- [TASK PROMPT]:
Check every line of the data below for the word "fill". Copy the ones that have it.

- [GIVEN ENTRIES]:
- Opening Delimiter -
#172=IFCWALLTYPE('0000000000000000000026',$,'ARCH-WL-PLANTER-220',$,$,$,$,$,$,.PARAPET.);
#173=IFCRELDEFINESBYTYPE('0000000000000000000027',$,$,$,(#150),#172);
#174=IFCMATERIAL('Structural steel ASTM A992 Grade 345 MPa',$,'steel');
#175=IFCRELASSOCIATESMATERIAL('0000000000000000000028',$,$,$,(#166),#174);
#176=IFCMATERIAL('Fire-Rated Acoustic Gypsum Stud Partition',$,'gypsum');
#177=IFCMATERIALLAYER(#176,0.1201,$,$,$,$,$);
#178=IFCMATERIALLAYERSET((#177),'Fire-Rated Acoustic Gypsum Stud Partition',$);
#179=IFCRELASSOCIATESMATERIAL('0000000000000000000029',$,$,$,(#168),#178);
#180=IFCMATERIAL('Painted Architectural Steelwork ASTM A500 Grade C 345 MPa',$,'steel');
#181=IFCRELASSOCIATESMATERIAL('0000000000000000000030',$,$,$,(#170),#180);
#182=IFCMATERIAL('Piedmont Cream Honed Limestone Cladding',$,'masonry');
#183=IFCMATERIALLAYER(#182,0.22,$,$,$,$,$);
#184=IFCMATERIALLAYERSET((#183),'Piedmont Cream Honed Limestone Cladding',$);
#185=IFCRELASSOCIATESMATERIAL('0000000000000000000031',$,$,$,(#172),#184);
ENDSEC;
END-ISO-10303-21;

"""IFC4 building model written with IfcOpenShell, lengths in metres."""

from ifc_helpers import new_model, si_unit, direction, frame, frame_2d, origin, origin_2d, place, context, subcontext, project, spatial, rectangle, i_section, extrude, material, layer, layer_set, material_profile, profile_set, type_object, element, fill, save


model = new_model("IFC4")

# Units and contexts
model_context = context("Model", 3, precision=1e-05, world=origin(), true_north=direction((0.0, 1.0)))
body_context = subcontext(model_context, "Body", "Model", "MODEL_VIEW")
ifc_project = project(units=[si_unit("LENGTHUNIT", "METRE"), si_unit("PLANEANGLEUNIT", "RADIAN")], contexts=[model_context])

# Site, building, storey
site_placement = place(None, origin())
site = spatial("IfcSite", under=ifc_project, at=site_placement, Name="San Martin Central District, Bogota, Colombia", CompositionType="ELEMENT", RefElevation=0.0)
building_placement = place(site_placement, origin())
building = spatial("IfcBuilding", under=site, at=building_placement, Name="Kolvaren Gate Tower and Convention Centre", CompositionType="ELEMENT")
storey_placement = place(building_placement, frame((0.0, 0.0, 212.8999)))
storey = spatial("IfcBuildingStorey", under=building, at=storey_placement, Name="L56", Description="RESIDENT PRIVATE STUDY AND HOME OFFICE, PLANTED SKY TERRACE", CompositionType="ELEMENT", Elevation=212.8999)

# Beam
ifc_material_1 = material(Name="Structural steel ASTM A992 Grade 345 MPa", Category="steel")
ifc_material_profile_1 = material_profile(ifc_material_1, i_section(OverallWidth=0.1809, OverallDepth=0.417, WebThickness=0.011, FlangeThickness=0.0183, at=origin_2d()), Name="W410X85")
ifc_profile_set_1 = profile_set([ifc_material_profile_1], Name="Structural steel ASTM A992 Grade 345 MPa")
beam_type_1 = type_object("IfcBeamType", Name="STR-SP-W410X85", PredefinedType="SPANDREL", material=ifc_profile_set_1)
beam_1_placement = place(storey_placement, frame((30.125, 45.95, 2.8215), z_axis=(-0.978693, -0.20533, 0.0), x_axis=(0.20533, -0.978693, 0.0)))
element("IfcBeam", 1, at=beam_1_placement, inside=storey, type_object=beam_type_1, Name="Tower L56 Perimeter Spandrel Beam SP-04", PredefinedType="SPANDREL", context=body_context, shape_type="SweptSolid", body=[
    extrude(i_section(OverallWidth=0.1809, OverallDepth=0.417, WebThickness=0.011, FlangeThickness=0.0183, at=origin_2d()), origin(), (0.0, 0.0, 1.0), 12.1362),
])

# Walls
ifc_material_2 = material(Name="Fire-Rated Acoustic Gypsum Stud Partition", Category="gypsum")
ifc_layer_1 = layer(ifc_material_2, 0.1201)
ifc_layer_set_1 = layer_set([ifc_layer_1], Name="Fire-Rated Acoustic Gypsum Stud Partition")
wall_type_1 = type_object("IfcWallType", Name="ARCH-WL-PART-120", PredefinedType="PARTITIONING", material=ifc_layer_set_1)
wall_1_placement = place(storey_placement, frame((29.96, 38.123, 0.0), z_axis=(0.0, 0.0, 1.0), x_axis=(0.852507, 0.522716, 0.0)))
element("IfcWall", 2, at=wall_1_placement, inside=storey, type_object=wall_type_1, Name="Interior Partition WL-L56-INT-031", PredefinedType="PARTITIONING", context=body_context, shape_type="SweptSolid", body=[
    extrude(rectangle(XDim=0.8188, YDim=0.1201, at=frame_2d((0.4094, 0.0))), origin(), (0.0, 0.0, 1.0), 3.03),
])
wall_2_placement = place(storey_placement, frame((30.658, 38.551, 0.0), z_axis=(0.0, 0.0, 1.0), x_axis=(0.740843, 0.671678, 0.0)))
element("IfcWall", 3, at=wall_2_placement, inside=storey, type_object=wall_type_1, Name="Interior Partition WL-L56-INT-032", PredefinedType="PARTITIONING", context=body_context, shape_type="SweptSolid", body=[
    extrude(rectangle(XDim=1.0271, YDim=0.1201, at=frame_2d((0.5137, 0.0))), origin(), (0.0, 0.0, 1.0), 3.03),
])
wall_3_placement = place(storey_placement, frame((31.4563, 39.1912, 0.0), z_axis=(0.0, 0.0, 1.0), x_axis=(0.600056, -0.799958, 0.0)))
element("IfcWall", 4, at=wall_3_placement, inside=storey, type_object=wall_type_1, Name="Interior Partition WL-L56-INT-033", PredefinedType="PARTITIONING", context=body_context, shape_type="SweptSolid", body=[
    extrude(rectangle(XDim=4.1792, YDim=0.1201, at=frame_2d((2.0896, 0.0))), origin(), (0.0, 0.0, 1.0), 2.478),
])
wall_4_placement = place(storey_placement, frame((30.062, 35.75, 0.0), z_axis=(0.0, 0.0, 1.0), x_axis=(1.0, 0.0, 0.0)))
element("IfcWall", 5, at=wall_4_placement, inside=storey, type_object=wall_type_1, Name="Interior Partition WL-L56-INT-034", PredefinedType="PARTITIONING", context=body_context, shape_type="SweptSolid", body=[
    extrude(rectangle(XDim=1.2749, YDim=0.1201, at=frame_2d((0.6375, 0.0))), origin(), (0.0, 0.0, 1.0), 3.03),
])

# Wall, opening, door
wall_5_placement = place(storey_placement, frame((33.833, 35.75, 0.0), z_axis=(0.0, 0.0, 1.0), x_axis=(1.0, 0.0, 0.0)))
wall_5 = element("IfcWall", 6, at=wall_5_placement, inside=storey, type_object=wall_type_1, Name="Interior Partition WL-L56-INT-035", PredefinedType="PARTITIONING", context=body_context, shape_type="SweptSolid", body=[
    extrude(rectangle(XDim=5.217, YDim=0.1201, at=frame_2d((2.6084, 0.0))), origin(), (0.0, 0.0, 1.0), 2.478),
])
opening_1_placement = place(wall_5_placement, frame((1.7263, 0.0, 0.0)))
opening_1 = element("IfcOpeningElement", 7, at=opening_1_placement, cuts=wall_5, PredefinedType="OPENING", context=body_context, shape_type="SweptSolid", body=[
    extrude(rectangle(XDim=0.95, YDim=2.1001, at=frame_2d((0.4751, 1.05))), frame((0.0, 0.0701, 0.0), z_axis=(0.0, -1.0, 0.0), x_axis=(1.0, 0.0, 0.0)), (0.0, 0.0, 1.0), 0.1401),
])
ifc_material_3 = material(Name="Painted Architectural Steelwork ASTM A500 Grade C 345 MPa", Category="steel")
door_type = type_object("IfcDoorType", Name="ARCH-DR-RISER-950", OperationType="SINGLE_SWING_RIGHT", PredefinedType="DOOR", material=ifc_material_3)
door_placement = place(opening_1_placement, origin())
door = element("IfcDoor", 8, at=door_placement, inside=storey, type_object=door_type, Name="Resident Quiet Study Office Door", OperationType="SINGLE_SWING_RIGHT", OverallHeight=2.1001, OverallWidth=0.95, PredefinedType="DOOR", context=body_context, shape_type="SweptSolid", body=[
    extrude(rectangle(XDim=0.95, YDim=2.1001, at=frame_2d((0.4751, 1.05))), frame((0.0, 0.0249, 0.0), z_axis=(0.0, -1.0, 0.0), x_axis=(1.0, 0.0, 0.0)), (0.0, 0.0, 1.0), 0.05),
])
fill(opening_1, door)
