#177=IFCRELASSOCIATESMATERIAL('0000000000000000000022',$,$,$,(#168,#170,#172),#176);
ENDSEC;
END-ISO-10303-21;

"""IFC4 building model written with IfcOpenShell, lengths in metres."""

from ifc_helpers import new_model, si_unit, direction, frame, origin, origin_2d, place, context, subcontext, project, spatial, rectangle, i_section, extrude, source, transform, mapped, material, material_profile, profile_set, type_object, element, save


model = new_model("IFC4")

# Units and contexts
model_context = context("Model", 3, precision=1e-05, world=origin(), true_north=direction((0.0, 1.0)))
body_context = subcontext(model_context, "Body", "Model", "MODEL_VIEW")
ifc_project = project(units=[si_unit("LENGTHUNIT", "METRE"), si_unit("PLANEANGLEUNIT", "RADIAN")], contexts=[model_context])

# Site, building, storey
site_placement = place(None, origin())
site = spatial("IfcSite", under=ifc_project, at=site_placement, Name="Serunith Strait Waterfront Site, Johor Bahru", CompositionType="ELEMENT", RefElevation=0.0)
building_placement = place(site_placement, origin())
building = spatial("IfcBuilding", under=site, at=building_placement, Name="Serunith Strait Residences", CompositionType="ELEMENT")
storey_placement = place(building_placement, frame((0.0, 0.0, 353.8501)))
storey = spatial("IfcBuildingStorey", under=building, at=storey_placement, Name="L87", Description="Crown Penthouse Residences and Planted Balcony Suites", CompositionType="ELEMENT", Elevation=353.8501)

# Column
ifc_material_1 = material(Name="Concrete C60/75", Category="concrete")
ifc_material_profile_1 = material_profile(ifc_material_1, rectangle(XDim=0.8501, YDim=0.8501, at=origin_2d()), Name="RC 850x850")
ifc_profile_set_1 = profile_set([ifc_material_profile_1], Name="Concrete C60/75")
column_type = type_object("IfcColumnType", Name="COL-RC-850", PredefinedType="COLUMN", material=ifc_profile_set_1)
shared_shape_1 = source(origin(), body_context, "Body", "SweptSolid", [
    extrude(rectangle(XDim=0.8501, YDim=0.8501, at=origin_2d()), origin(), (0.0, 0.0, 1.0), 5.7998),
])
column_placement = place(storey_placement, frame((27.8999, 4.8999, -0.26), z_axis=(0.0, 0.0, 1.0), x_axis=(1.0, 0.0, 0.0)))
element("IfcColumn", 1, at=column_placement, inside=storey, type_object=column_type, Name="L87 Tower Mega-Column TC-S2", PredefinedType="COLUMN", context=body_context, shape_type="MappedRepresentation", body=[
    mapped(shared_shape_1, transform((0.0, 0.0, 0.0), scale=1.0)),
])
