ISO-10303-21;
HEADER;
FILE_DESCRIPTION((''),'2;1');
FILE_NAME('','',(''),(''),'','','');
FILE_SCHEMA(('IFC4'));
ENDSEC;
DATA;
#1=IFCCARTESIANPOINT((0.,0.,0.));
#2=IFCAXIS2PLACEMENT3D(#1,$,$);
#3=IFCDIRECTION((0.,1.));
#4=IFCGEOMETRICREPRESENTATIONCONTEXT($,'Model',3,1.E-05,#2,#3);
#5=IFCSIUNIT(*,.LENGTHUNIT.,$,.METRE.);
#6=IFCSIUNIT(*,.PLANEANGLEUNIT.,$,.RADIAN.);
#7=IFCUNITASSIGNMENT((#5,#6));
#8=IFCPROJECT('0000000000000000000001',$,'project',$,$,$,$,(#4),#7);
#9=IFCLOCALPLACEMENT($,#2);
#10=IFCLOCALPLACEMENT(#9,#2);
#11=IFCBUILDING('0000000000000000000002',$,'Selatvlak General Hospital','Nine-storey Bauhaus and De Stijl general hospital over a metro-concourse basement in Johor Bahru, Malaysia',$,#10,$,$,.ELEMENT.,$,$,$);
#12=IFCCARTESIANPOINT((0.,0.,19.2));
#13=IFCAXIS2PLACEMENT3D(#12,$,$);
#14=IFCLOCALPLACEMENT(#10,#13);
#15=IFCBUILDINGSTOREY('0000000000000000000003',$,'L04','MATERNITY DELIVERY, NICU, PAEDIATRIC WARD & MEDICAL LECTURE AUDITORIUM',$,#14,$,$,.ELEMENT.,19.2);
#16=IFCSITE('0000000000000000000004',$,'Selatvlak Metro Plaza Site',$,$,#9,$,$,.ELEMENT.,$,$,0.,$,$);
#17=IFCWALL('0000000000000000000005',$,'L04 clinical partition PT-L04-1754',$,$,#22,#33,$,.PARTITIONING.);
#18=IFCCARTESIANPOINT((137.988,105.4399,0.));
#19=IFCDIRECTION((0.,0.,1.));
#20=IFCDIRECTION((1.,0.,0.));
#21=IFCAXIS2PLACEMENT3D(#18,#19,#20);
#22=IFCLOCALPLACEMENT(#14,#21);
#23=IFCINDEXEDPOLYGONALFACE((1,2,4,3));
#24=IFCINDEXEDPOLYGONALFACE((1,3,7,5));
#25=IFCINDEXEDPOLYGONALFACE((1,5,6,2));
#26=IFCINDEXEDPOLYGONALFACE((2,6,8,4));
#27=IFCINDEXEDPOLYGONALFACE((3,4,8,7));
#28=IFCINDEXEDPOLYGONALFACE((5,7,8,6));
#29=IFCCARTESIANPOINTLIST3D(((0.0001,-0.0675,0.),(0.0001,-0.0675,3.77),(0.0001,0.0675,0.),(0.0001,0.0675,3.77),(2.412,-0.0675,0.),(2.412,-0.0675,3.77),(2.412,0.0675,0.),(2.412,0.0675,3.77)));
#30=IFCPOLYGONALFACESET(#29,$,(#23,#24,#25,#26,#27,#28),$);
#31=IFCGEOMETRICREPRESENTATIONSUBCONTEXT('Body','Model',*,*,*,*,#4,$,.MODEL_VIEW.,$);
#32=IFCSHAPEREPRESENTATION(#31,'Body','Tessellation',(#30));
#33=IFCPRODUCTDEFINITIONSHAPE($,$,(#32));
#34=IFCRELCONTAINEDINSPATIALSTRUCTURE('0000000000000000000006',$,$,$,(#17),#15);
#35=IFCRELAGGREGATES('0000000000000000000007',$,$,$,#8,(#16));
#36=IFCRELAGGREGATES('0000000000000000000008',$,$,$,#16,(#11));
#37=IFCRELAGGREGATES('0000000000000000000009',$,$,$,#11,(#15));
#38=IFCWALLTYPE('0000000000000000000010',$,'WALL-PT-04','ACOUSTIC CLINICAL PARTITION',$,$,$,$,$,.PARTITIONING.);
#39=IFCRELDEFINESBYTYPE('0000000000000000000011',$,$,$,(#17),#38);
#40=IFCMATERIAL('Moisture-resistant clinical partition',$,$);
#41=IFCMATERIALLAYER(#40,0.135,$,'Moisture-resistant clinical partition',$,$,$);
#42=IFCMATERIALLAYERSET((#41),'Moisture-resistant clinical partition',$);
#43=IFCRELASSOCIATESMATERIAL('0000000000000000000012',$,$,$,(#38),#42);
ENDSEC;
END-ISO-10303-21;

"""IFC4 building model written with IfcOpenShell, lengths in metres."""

from ifc_helpers import new_model, si_unit, direction, frame, frame_2d, origin, place, context, subcontext, project, spatial, rectangle, extrude, material, layer, layer_set, type_object, element, save


model = new_model("IFC4")

# Units and contexts
model_context = context("Model", 3, precision=1e-05, world=origin(), true_north=direction((0.0, 1.0)))
body_context = subcontext(model_context, "Body", "Model", "MODEL_VIEW")
ifc_project = project(units=[si_unit("LENGTHUNIT", "METRE"), si_unit("PLANEANGLEUNIT", "RADIAN")], contexts=[model_context])

# Site, building, storey
site_placement = place(None, origin())
site = spatial("IfcSite", under=ifc_project, at=site_placement, Name="Selatvlak Metro Plaza Site", CompositionType="ELEMENT", RefElevation=0.0)
building_placement = place(site_placement, origin())
building = spatial("IfcBuilding", under=site, at=building_placement, Name="Selatvlak General Hospital", Description="Nine-storey Bauhaus and De Stijl general hospital over a metro-concourse basement in Johor Bahru, Malaysia", CompositionType="ELEMENT")
storey_placement = place(building_placement, frame((0.0, 0.0, 19.2)))
storey = spatial("IfcBuildingStorey", under=building, at=storey_placement, Name="L04", Description="MATERNITY DELIVERY, NICU, PAEDIATRIC WARD & MEDICAL LECTURE AUDITORIUM", CompositionType="ELEMENT", Elevation=19.2)

# Wall
ifc_material_1 = material(Name="Moisture-resistant clinical partition")
ifc_layer_1 = layer(ifc_material_1, 0.135, Name="Moisture-resistant clinical partition")
ifc_layer_set_1 = layer_set([ifc_layer_1], Name="Moisture-resistant clinical partition")
wall_type_1 = type_object("IfcWallType", Name="WALL-PT-04", Description="ACOUSTIC CLINICAL PARTITION", PredefinedType="PARTITIONING", material=ifc_layer_set_1)
wall_1_placement = place(storey_placement, frame((137.988, 105.4399, 0.0), z_axis=(0.0, 0.0, 1.0), x_axis=(1.0, 0.0, 0.0)))
element("IfcWall", 1, at=wall_1_placement, inside=storey, type_object=wall_type_1, Name="L04 clinical partition PT-L04-1754", PredefinedType="PARTITIONING", context=body_context, shape_type="SweptSolid", body=[
    extrude(rectangle(XDim=2.4119, YDim=0.135, at=frame_2d((1.2061, 0.0))), origin(), (0.0, 0.0, 1.0), 3.77),
])

save(model, "model.ifc")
- Closing Delimiter -
- [ANSWER TO THIS TASK]:
from ifc_helpers import new_model, si_unit, direction, frame, frame_2d, origin, origin_2d, place, context, subcontext, project, spatial, rectangle, i_section, extrude, material, layer, layer_set, material_profile, profile_set, type_object, element, fill, save
fill(opening_1, door)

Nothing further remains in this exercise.